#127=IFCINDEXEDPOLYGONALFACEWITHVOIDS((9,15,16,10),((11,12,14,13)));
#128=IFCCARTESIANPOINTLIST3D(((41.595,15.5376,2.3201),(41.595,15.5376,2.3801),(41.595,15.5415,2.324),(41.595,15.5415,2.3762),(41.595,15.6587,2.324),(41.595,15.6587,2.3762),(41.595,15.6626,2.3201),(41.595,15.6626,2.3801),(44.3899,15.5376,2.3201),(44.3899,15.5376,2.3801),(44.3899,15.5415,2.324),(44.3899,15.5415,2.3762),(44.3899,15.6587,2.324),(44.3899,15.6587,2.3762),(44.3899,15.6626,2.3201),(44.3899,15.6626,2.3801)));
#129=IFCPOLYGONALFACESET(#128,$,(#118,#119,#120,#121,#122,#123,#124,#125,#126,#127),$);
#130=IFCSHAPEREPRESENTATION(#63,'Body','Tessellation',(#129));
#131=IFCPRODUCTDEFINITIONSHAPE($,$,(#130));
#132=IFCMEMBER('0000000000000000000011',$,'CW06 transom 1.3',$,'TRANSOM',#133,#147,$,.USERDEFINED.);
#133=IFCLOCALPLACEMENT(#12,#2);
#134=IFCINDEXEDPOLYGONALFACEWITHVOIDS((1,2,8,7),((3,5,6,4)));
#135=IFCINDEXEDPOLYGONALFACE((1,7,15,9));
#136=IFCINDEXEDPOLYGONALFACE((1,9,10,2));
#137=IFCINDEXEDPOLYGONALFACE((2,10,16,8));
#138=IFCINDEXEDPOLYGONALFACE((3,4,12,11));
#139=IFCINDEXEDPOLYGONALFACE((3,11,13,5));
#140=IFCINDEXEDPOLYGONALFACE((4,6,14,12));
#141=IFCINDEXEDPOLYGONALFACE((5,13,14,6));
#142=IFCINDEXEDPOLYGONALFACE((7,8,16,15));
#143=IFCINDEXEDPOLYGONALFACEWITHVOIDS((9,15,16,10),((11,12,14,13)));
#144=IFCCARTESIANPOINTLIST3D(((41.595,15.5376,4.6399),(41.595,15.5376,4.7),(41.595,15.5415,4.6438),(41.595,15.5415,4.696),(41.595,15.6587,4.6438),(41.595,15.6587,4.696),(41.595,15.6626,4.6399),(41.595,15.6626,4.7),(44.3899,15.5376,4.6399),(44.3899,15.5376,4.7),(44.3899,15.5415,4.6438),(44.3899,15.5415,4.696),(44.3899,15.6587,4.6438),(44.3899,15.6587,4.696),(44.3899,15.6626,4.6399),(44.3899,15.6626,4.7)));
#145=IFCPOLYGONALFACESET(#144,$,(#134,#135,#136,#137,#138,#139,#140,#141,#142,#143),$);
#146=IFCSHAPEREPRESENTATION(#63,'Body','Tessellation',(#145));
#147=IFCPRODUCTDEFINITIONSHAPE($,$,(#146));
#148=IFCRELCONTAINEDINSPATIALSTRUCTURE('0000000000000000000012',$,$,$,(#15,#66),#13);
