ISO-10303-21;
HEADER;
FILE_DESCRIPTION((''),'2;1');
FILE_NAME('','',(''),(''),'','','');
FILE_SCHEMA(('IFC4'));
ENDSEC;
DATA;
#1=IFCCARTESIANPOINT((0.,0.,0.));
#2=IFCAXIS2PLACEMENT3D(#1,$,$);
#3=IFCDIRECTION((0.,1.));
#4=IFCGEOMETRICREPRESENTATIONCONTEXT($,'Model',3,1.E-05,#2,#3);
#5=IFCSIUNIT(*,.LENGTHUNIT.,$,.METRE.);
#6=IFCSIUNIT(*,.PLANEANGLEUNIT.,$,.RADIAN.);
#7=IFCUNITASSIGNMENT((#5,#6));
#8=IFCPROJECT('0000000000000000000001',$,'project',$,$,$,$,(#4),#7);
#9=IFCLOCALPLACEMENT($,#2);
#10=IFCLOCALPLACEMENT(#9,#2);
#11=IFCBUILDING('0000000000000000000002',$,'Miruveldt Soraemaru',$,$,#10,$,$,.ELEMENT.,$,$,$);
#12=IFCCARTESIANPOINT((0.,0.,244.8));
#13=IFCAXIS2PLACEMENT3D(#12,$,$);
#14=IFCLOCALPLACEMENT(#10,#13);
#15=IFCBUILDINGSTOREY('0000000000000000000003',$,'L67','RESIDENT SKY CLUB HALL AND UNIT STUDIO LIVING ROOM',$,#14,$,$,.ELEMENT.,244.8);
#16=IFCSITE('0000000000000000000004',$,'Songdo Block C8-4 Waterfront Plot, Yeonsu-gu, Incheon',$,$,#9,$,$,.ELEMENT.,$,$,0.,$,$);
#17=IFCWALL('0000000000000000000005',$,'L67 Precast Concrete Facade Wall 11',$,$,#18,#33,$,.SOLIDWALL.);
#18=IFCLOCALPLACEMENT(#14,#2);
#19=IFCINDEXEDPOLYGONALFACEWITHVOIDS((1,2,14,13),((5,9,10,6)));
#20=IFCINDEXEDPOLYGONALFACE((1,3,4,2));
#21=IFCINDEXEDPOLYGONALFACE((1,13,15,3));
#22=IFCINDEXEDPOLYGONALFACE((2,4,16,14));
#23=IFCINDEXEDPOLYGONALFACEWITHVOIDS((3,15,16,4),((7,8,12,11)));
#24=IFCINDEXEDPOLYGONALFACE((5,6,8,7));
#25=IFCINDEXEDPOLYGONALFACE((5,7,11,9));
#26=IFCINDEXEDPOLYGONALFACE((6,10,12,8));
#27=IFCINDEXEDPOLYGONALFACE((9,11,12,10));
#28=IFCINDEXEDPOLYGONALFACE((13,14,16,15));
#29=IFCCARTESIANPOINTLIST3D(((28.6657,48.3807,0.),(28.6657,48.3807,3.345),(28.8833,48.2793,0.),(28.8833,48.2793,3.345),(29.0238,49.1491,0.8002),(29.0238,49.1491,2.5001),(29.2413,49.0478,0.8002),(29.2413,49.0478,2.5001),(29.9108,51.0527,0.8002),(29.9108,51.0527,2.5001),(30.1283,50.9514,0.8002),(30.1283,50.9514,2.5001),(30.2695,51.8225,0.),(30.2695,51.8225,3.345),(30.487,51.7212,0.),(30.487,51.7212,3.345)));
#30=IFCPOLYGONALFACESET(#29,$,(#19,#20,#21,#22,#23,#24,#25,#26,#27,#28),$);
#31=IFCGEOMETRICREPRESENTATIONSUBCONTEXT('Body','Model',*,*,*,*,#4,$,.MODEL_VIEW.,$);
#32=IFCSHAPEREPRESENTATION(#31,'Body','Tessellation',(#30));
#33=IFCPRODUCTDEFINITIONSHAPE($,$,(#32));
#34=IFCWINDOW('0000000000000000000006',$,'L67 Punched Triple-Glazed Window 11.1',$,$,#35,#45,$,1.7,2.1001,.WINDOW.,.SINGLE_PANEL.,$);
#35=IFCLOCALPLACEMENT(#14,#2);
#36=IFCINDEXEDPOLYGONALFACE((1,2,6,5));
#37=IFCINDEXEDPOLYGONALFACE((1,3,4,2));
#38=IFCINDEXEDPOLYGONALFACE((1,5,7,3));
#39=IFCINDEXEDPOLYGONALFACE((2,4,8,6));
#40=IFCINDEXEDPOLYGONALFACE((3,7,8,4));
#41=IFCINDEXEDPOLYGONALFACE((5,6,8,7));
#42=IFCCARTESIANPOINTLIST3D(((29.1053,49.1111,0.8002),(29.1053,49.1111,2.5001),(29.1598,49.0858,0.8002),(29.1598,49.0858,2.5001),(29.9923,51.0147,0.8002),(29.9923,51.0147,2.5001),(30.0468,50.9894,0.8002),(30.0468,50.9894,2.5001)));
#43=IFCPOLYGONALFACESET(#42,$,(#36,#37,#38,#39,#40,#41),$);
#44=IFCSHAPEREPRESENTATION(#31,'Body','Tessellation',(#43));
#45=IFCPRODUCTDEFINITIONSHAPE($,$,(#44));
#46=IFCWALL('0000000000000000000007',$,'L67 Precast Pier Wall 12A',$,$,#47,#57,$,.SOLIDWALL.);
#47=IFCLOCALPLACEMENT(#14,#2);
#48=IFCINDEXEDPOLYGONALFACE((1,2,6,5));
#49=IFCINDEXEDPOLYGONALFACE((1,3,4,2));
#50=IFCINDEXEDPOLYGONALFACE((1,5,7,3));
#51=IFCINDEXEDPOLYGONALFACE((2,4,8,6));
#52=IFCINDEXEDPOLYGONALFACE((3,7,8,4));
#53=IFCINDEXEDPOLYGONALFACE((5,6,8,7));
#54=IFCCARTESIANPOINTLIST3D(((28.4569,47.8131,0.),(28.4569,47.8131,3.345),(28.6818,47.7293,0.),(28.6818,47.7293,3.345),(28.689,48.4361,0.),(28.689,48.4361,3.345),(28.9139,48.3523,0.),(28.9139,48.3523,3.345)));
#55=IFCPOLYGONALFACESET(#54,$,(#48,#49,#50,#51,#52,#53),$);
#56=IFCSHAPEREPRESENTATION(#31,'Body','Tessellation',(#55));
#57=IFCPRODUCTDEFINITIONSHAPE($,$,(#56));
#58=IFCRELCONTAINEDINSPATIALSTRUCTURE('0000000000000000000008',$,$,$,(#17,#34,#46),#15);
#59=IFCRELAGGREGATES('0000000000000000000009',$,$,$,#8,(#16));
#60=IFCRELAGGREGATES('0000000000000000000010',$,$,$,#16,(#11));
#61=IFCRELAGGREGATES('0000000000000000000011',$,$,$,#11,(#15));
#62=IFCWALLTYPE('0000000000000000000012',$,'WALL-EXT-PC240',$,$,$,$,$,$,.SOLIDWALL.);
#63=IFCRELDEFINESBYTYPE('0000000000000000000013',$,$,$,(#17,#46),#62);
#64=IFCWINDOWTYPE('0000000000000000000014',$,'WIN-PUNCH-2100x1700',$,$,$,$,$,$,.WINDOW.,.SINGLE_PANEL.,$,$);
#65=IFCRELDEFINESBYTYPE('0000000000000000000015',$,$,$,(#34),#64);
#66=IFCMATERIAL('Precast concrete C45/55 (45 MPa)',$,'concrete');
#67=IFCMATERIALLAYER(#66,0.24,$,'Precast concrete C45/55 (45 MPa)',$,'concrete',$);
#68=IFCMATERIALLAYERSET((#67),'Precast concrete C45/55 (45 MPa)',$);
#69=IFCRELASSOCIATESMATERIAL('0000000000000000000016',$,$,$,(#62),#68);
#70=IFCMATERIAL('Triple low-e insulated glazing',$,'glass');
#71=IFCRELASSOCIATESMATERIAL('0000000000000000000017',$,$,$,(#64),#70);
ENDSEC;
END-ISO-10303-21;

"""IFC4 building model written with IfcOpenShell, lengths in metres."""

from ifc_helpers import new_model, si_unit, direction, frame, frame_2d, origin, place, context, subcontext, project, spatial, rectangle, extrude, material, layer, layer_set, type_object, element, fill, save


model = new_model("IFC4")

# Units and contexts
model_context = context("Model", 3, precision=1e-05, world=origin(), true_north=direction((0.0, 1.0)))
body_context = subcontext(model_context, "Body", "Model", "MODEL_VIEW")
ifc_project = project(units=[si_unit("LENGTHUNIT", "METRE"), si_unit("PLANEANGLEUNIT", "RADIAN")], contexts=[model_context])

# Site, building, storey
site_placement = place(None, origin())
site = spatial("IfcSite", under=ifc_project, at=site_placement, Name="Songdo Block C8-4 Waterfront Plot, Yeonsu-gu, Incheon", CompositionType="ELEMENT", RefElevation=0.0)
building_placement = place(site_placement, origin())
building = spatial("IfcBuilding", under=site, at=building_placement, Name="Miruveldt Soraemaru", CompositionType="ELEMENT")
storey_placement = place(building_placement, frame((0.0, 0.0, 244.8)))
storey = spatial("IfcBuildingStorey", under=building, at=storey_placement, Name="L67", Description="RESIDENT SKY CLUB HALL AND UNIT STUDIO LIVING ROOM", CompositionType="ELEMENT", Elevation=244.8)

# Shared definitions
ifc_material_1 = material(Name="Triple low-e insulated glazing", Category="glass")

# Wall, opening, window
ifc_material_2 = material(Name="Precast concrete C45/55 (45 MPa)", Category="concrete")
ifc_layer_1 = layer(ifc_material_2, 0.24, Name="Precast concrete C45/55 (45 MPa)", Category="concrete")
ifc_layer_set_1 = layer_set([ifc_layer_1], Name="Precast concrete C45/55 (45 MPa)")
wall_type_1 = type_object("IfcWallType", Name="WALL-EXT-PC240", PredefinedType="SOLIDWALL", material=ifc_layer_set_1)
wall_1_placement = place(storey_placement, frame((30.3782, 51.7717, 0.0), z_axis=(0.0, 0.0, 1.0), x_axis=(-0.422354, -0.906431, 0.0)))
wall_1 = element("IfcWall", 1, at=wall_1_placement, inside=storey, type_object=wall_type_1, Name="L67 Precast Concrete Facade Wall 11", PredefinedType="SOLIDWALL", context=body_context, shape_type="SweptSolid", body=[
    extrude(rectangle(XDim=3.7971, YDim=0.24, at=frame_2d((1.8984, 0.0))), origin(), (0.0, 0.0, 1.0), 3.345),
])
opening_1_placement = place(wall_1_placement, frame((0.8491, 0.0, 0.8)))
opening_1 = element("IfcOpeningElement", 2, at=opening_1_placement, cuts=wall_1, PredefinedType="OPENING", context=body_context, shape_type="SweptSolid", body=[
    extrude(rectangle(XDim=2.1001, YDim=1.7, at=frame_2d((1.05, 0.8501))), frame((0.0, 0.1299, 0.0), z_axis=(0.0, -1.0, 0.0), x_axis=(1.0, 0.0, 0.0)), (0.0, 0.0, 1.0), 0.26),
])
window_type_1 = type_object("IfcWindowType", Name="WIN-PUNCH-2100x1700", PartitioningType="SINGLE_PANEL", PredefinedType="WINDOW", material=ifc_material_1)
window_1_placement = place(opening_1_placement, origin())
window_1 = element("IfcWindow", 3, at=window_1_placement, inside=storey, type_object=window_type_1, Name="L67 Punched Triple-Glazed Window 11.1", OverallHeight=1.7, OverallWidth=2.1001, PartitioningType="SINGLE_PANEL", PredefinedType="WINDOW", context=body_context, shape_type="SweptSolid", body=[
    extrude(rectangle(XDim=2.1001, YDim=1.7, at=frame_2d((1.05, 0.8501))), frame((0.0, 0.03, 0.0), z_axis=(0.0, -1.0, 0.0), x_axis=(1.0, 0.0, 0.0)), (0.0, 0.0, 1.0), 0.0601),
])
fill(opening_1, window_1)

# Wall
wall_2_placement = place(storey_placement, frame((28.8015, 48.3943, 0.0), z_axis=(0.0, 0.0, 1.0), x_axis=(-0.349191, -0.937051, 0.0)))
element("IfcWall", 4, at=wall_2_placement, inside=storey, type_object=wall_type_1, Name="L67 Precast Pier Wall 12A", PredefinedType="SOLIDWALL", context=body_context, shape_type="SweptSolid", body=[
    extrude(rectangle(XDim=0.6648, YDim=0.24, at=frame_2d((0.3325, 0.0))), origin(), (0.0, 0.0, 1.0), 3.345),
])

save(model, "model.ifc")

==================================================

▶ [EXERCISE GOAL]: Show all lines in the entries above where the word "IFCSIUNIT" appears.

▶ [EXERCISE ANSWER]:
#5=IFCSIUNIT(*,.LENGTHUNIT.,$,.METRE.);
#6=IFCSIUNIT(*,.PLANEANGLEUNIT.,$,.RADIAN.);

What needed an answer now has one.